Collected data
· · · · ·

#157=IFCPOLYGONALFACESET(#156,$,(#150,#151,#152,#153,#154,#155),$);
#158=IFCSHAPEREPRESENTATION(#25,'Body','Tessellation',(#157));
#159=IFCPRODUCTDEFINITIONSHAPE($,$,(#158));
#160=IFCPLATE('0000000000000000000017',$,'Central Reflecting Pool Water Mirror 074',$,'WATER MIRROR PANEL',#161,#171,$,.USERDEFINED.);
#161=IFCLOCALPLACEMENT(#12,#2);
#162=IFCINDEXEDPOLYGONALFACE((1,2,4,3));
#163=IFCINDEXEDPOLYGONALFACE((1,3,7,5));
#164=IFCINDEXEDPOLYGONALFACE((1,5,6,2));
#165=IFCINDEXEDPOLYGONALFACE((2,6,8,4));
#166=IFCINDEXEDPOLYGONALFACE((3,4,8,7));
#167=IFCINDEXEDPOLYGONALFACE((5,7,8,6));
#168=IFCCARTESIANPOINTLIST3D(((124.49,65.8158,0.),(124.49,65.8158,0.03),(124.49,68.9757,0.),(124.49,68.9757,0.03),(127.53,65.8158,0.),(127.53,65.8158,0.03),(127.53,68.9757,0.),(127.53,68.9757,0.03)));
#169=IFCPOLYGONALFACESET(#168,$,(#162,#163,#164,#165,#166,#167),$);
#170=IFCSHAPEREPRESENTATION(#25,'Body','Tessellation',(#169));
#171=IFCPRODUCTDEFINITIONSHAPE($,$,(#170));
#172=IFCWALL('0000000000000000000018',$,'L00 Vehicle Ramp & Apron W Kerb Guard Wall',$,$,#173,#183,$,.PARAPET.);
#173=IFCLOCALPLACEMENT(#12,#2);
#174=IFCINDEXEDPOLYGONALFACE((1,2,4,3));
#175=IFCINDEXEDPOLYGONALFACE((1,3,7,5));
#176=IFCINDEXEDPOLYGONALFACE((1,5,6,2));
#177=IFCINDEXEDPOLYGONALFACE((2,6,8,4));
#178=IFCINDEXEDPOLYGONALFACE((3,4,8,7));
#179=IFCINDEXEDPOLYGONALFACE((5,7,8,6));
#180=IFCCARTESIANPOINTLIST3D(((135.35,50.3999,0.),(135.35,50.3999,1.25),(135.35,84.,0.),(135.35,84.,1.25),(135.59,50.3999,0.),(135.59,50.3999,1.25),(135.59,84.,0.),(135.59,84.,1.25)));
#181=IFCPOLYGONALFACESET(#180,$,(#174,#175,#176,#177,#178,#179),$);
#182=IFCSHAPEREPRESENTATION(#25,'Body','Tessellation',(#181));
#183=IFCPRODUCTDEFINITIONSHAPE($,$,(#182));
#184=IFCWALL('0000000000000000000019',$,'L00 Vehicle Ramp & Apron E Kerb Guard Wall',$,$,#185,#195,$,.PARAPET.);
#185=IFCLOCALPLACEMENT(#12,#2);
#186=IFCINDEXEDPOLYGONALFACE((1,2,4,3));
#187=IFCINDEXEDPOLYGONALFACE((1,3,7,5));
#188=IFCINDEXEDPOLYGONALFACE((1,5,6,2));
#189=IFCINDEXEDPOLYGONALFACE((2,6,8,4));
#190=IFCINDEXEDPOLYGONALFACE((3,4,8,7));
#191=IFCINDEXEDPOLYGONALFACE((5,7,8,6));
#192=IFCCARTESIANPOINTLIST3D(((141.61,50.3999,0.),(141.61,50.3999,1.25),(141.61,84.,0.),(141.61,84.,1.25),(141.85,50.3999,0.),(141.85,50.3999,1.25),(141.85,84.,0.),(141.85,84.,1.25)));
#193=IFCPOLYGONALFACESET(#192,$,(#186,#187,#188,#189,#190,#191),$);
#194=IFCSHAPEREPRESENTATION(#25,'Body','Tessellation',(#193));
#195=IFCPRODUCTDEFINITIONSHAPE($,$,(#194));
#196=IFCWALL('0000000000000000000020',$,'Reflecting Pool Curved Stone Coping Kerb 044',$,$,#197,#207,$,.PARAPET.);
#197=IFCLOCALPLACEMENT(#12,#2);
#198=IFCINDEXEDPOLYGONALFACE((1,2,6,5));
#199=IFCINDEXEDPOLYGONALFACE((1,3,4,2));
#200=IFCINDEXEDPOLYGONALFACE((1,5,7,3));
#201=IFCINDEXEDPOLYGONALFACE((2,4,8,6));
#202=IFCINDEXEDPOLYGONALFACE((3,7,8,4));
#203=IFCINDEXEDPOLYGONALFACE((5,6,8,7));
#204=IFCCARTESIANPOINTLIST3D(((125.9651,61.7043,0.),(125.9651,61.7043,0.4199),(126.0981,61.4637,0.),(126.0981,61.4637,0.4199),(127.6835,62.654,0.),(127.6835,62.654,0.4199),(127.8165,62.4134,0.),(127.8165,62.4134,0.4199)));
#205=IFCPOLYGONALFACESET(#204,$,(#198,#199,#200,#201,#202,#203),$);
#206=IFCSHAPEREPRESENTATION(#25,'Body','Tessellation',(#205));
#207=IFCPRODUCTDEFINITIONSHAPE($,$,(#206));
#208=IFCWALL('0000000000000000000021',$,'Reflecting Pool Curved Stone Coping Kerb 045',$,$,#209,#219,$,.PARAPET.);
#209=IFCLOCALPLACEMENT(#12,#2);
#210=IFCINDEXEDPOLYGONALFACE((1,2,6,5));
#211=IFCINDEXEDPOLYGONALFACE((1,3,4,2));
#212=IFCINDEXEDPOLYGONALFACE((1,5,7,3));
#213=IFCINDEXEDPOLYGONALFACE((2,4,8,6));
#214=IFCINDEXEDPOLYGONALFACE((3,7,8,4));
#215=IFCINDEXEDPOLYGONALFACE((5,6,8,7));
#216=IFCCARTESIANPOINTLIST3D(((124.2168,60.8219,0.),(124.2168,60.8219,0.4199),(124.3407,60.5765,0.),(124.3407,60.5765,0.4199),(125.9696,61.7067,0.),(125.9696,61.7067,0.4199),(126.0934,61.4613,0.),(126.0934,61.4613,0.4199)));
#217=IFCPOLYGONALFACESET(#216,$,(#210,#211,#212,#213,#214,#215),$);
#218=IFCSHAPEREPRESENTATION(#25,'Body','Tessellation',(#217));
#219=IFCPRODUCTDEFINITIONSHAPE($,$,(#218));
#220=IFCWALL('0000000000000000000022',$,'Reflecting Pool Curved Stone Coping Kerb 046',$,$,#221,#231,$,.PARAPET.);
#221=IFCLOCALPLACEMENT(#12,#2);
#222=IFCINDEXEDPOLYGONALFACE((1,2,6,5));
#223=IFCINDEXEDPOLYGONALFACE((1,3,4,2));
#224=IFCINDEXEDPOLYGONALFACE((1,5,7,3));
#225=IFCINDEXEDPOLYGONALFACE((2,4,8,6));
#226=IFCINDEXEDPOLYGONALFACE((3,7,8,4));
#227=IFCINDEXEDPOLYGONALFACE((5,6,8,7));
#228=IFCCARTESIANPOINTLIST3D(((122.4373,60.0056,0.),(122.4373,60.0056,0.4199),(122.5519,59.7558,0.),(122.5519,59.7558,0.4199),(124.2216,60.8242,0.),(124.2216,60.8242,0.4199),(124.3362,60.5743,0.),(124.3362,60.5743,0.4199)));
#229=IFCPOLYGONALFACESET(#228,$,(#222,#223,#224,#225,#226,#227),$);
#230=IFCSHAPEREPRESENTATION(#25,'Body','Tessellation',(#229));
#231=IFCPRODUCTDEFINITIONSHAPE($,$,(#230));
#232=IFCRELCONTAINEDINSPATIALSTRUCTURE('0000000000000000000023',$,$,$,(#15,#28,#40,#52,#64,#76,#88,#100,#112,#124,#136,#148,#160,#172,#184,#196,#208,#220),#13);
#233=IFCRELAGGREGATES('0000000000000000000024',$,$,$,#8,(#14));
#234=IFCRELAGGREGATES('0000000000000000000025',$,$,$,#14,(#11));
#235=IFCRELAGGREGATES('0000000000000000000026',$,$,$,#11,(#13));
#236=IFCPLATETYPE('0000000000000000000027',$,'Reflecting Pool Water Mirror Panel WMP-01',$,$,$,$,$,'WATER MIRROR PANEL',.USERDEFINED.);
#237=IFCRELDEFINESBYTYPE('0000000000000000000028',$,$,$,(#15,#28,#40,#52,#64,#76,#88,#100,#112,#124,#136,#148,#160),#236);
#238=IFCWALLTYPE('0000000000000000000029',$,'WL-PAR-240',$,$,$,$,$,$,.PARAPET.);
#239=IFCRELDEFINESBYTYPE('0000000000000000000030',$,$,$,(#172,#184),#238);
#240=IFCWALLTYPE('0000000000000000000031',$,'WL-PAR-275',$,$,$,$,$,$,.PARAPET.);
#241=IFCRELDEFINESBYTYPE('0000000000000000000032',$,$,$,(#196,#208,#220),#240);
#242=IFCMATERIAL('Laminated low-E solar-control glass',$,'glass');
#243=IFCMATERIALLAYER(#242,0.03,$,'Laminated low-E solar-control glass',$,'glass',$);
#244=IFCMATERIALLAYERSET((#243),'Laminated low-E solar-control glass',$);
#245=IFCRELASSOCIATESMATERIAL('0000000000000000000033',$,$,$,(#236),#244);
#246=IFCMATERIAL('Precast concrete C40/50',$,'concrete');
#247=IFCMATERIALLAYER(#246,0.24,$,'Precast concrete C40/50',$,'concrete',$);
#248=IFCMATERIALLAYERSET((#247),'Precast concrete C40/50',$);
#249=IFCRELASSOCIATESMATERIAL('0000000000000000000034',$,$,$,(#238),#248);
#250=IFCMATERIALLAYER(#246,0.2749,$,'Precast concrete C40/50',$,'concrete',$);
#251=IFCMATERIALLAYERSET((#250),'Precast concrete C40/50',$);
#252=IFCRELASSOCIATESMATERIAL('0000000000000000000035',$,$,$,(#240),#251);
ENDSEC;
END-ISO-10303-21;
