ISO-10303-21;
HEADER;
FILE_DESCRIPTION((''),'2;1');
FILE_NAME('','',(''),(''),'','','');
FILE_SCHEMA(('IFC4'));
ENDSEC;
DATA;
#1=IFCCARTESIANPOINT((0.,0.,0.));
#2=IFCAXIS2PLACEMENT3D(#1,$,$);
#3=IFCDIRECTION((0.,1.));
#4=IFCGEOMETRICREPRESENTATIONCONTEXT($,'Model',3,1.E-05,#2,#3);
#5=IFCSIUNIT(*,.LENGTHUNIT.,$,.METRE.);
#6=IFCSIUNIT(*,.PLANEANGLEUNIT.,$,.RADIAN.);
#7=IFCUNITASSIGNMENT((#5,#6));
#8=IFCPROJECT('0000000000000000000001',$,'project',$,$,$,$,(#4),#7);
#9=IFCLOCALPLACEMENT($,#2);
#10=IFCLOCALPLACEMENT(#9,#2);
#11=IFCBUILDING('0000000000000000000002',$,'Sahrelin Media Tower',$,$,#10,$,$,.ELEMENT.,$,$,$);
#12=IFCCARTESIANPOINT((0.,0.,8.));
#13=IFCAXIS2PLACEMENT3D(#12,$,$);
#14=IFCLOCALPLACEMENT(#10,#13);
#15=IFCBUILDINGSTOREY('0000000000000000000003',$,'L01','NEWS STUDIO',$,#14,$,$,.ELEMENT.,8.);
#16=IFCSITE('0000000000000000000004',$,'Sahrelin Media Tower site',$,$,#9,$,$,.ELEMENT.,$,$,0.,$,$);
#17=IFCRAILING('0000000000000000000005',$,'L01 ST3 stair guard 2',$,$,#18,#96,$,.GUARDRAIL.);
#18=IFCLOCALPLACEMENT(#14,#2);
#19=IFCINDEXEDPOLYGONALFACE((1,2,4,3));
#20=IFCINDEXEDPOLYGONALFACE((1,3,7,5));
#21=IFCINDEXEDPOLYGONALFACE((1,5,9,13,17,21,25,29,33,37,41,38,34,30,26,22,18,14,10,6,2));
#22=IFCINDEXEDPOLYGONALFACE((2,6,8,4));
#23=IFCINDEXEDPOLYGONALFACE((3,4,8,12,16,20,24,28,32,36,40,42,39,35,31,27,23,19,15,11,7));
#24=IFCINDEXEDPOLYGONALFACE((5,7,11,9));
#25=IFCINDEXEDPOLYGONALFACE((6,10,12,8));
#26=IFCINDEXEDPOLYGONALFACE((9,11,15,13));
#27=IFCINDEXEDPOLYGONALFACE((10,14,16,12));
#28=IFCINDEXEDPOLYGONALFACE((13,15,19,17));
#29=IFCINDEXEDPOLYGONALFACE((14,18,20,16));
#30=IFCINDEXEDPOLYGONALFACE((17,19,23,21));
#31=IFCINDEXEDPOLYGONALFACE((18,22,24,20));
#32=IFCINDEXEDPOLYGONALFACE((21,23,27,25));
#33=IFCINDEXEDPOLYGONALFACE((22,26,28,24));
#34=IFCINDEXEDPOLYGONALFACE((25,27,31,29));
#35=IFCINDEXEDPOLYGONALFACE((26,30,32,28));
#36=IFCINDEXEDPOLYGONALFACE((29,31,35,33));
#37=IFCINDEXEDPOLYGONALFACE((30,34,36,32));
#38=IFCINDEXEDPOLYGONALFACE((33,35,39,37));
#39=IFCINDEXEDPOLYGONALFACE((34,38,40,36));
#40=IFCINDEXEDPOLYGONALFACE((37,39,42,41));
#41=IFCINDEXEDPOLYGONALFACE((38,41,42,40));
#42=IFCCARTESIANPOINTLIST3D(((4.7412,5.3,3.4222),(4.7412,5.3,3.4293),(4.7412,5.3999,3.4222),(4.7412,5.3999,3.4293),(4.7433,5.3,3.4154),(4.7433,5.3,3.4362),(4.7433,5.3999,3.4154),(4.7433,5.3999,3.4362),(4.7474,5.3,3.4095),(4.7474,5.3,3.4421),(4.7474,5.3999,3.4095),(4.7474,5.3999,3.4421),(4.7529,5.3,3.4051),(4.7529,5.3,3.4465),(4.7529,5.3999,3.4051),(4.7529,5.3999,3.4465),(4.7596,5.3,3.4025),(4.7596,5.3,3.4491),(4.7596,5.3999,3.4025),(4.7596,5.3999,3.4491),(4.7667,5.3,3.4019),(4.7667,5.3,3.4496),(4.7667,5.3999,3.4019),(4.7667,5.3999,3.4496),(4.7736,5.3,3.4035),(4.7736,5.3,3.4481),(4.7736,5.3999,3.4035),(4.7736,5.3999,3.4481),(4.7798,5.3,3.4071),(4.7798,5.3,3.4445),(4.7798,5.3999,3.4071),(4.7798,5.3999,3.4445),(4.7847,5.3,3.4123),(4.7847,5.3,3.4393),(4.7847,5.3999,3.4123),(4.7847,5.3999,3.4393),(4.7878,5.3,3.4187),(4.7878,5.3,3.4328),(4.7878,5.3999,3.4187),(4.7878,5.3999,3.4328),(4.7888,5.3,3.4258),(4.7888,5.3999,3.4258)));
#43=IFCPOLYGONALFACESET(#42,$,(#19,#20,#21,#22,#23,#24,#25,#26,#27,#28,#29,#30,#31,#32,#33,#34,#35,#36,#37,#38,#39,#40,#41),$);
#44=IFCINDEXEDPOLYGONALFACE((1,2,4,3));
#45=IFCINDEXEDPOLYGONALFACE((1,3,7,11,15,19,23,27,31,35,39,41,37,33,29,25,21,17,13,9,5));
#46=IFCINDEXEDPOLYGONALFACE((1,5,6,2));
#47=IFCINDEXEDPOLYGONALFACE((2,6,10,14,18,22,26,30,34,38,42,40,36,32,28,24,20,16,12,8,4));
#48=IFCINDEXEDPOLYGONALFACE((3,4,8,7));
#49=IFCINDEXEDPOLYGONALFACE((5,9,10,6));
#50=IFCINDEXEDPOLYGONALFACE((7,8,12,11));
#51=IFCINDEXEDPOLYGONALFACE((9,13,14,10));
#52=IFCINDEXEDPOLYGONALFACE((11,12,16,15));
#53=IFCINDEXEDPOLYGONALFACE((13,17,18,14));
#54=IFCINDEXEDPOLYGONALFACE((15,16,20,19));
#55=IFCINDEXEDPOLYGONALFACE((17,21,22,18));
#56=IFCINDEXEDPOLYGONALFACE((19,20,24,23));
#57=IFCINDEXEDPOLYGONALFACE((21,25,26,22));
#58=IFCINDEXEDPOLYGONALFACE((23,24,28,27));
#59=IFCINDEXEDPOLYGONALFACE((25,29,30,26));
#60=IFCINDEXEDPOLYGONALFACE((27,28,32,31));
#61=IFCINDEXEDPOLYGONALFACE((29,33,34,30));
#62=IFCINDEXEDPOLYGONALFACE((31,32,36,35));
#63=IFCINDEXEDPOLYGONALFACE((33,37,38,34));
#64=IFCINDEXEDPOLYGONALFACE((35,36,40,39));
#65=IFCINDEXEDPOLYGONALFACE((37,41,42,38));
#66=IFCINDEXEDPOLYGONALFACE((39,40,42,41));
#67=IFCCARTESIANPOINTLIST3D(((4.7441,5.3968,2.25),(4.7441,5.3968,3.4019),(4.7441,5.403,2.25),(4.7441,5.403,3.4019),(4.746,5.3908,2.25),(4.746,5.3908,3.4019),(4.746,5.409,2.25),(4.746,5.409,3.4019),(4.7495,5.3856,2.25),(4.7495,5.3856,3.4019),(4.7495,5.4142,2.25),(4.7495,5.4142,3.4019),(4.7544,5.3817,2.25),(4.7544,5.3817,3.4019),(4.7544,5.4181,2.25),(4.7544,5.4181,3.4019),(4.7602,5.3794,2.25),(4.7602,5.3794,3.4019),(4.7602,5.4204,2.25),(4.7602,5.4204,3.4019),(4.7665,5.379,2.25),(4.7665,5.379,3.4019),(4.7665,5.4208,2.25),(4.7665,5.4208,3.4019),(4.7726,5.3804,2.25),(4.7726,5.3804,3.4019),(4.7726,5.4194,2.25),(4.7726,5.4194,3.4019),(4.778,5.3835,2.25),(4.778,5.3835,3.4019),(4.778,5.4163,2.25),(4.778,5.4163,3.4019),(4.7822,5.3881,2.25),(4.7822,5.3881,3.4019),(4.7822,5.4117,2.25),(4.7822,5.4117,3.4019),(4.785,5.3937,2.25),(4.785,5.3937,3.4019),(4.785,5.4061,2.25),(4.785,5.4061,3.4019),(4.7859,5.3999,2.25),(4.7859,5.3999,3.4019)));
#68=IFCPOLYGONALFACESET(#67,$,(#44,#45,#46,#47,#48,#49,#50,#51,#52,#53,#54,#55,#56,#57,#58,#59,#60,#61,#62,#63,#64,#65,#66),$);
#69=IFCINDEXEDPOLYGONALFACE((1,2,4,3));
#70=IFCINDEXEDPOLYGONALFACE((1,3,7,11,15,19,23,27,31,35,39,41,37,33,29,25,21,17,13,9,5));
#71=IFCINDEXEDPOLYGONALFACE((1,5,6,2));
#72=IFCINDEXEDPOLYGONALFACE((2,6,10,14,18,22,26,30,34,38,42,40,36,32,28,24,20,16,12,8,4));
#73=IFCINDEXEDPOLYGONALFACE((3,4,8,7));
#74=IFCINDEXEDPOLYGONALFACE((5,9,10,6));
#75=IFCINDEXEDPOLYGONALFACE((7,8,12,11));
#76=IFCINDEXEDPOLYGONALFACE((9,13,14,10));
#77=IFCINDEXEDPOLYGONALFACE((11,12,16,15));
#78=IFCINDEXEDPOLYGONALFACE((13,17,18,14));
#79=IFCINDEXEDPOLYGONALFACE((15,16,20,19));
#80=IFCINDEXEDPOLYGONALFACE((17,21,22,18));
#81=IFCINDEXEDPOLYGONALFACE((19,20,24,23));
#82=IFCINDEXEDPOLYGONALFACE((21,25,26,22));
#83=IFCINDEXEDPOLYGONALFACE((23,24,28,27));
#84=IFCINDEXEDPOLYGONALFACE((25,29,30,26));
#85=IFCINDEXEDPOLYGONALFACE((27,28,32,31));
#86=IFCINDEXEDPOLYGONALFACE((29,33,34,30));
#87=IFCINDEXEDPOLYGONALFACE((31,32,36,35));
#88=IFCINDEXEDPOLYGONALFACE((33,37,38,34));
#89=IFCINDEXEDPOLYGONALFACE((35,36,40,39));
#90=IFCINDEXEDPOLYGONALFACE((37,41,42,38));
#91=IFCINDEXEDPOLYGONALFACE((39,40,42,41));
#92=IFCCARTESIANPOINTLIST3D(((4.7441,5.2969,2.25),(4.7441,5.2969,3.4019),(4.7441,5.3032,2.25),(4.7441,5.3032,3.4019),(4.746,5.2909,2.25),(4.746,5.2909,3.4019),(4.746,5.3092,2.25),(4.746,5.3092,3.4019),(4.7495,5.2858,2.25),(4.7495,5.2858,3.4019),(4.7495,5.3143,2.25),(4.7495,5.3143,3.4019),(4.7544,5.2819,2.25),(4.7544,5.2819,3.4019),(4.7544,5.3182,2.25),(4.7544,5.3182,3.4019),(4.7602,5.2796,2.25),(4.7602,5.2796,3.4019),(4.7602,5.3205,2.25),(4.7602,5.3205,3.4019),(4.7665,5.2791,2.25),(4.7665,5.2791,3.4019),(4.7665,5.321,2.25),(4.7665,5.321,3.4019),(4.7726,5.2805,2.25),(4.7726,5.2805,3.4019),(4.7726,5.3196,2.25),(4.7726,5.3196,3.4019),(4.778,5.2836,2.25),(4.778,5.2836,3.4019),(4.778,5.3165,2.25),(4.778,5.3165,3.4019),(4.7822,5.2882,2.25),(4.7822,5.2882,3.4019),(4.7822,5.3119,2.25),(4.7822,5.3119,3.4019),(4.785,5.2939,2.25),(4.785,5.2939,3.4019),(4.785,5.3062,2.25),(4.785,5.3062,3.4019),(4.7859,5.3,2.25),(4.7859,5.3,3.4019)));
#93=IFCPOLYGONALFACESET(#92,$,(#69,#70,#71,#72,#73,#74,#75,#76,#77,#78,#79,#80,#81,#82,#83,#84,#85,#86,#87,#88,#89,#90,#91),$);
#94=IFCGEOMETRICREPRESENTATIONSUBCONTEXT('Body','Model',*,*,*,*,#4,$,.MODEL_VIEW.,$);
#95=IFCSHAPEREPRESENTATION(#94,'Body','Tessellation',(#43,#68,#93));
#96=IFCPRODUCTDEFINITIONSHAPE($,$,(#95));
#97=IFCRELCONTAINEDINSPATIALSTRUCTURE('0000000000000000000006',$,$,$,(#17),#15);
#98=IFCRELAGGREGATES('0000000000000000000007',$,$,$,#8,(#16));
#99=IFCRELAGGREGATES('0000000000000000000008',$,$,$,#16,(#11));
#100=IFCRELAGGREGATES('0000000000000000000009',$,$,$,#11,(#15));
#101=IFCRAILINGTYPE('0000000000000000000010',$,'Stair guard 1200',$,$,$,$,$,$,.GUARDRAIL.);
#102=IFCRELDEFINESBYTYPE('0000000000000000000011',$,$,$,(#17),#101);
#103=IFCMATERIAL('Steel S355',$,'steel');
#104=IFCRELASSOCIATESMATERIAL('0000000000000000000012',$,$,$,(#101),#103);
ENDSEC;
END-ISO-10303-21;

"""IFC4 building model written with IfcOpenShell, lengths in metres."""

from ifc_helpers import new_model, si_unit, direction, frame, origin, origin_2d, place, context, subcontext, project, spatial, circle, extrude, material, type_object, element, save


model = new_model("IFC4")

# Units and contexts
model_context = context("Model", 3, precision=1e-05, world=origin(), true_north=direction((0.0, 1.0)))
body_context = subcontext(model_context, "Body", "Model", "MODEL_VIEW")
ifc_project = project(units=[si_unit("LENGTHUNIT", "METRE"), si_unit("PLANEANGLEUNIT", "RADIAN")], contexts=[model_context])

# Site, building, storey
site_placement = place(None, origin())
site = spatial("IfcSite", under=ifc_project, at=site_placement, Name="Sahrelin Media Tower site", CompositionType="ELEMENT", RefElevation=0.0)
building_placement = place(site_placement, origin())
building = spatial("IfcBuilding", under=site, at=building_placement, Name="Sahrelin Media Tower", CompositionType="ELEMENT")
storey_placement = place(building_placement, frame((0.0, 0.0, 8.0)))
storey = spatial("IfcBuildingStorey", under=building, at=storey_placement, Name="L01", Description="NEWS STUDIO", CompositionType="ELEMENT", Elevation=8.0)

# Shared definitions
ifc_material_1 = material(Name="Steel S355", Category="steel")

# Railing
railing_type_1 = type_object("IfcRailingType", Name="Stair guard 1200", PredefinedType="GUARDRAIL", material=ifc_material_1)
railing_1_placement = place(storey_placement, frame((4.7649, 5.3999, 2.25)))
element("IfcRailing", 1, at=railing_1_placement, inside=storey, type_object=railing_type_1, Name="L01 ST3 stair guard 2", PredefinedType="GUARDRAIL", context=body_context, shape_type="SweptSolid", body=[
    extrude(circle(Radius=0.0239, at=origin_2d()), frame((0.0, 0.0, 1.1758), z_axis=(0.0, -1.0, 0.0), x_axis=(1.0, 0.0, 0.0)), (0.0, 0.0, 1.0), 0.0999),
    extrude(circle(Radius=0.021, at=origin_2d()), origin(), (0.0, 0.0, 1.0), 1.1519),
    extrude(circle(Radius=0.021, at=origin_2d()), frame((0.0, -0.0999, 0.0)), (0.0, 0.0, 1.0), 1.1519),
])

save(model, "model.ifc")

· · · · ·

• **WHAT IS BEING ASKED**:
Starting at the first line of the records above, please copy every line exactly through the line containing "#171=IFCPRODUCTDEFINITIONSHAPE($,$,(#170));", and stop there.

• **ANSWER TO THIS PROBLEM**:
#157=IFCPOLYGONALFACESET(#156,$,(#150,#151,#152,#153,#154,#155),$);
#158=IFCSHAPEREPRESENTATION(#25,'Body','Tessellation',(#157));
#159=IFCPRODUCTDEFINITIONSHAPE($,$,(#158));
#160=IFCPLATE('0000000000000000000017',$,'Central Reflecting Pool Water Mirror 074',$,'WATER MIRROR PANEL',#161,#171,$,.USERDEFINED.);
#161=IFCLOCALPLACEMENT(#12,#2);
#162=IFCINDEXEDPOLYGONALFACE((1,2,4,3));
#163=IFCINDEXEDPOLYGONALFACE((1,3,7,5));
#164=IFCINDEXEDPOLYGONALFACE((1,5,6,2));
#165=IFCINDEXEDPOLYGONALFACE((2,6,8,4));
#166=IFCINDEXEDPOLYGONALFACE((3,4,8,7));
#167=IFCINDEXEDPOLYGONALFACE((5,7,8,6));
#168=IFCCARTESIANPOINTLIST3D(((124.49,65.8158,0.),(124.49,65.8158,0.03),(124.49,68.9757,0.),(124.49,68.9757,0.03),(127.53,65.8158,0.),(127.53,65.8158,0.03),(127.53,68.9757,0.),(127.53,68.9757,0.03)));
#169=IFCPOLYGONALFACESET(#168,$,(#162,#163,#164,#165,#166,#167),$);
#170=IFCSHAPEREPRESENTATION(#25,'Body','Tessellation',(#169));
#171=IFCPRODUCTDEFINITIONSHAPE($,$,(#170));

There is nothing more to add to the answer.